§ Exercise objective
What lines of the data hold the string "IFCRELAGGREGATES"? Copy them all.

§ Data under study
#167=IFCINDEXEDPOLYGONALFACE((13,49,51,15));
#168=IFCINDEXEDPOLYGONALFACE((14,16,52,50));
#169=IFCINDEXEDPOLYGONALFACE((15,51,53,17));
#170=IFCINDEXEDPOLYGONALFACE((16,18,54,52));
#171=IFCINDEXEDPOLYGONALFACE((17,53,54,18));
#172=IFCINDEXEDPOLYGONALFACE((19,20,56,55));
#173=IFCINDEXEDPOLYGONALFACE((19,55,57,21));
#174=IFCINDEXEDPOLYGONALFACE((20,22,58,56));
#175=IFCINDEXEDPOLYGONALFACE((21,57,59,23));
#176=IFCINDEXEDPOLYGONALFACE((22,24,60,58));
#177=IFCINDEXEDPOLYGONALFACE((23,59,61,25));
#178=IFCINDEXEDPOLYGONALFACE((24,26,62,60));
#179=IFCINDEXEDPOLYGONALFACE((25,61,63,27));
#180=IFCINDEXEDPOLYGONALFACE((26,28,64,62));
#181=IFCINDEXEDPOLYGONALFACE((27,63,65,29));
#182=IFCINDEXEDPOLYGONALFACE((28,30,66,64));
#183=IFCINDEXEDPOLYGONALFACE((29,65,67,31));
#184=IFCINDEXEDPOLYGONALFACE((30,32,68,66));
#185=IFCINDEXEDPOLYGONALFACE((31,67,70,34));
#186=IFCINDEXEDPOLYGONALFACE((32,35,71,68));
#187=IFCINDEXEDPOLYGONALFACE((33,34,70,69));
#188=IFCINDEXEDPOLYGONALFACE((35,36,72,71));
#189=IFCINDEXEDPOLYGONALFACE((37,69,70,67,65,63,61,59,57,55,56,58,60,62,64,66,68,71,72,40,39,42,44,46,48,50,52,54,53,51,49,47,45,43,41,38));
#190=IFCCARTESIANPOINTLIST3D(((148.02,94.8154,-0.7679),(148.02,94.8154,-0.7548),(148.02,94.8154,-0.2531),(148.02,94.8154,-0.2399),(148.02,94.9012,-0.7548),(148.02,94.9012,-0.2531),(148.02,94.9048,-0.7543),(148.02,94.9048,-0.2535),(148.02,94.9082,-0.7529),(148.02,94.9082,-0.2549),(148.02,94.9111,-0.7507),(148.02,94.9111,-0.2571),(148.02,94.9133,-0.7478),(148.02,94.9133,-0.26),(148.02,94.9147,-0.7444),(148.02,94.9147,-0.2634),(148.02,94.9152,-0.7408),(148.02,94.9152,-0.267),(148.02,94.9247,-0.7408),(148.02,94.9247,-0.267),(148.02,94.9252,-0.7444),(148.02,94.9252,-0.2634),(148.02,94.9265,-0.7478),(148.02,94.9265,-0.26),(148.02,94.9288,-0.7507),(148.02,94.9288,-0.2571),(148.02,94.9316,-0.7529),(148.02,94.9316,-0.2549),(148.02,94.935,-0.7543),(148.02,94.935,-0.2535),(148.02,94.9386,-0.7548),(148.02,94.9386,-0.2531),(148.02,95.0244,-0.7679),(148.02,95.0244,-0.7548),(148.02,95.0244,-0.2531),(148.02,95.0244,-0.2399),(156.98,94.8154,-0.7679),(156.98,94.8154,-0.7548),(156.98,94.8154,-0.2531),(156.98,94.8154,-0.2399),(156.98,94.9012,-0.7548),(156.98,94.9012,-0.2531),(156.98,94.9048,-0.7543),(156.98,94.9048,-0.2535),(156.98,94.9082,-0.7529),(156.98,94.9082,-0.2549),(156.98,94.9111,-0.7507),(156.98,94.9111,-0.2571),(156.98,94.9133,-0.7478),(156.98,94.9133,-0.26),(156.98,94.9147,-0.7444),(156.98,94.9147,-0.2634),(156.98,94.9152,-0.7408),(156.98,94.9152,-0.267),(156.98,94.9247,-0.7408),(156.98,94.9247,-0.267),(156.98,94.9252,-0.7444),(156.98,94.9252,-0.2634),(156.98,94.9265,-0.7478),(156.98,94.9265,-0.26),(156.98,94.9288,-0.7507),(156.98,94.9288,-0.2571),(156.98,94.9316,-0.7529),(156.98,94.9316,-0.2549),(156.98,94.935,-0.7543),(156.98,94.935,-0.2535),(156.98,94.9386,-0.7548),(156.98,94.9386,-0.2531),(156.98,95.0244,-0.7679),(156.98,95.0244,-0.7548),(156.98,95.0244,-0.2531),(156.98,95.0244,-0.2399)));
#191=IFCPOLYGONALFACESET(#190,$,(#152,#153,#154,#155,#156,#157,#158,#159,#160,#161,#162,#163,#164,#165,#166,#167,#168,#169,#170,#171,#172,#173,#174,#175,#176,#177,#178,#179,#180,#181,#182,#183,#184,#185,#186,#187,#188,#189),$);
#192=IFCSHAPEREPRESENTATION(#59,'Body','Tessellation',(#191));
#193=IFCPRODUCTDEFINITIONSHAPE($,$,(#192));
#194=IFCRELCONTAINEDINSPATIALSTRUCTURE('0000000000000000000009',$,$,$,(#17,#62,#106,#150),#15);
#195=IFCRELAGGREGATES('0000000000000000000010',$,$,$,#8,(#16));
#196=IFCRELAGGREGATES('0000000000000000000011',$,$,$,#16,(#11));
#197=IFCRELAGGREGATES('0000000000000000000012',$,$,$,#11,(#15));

§ Output of the task
#195=IFCRELAGGREGATES('0000000000000000000010',$,$,$,#8,(#16));
#196=IFCRELAGGREGATES('0000000000000000000011',$,$,$,#16,(#11));
#197=IFCRELAGGREGATES('0000000000000000000012',$,$,$,#11,(#15));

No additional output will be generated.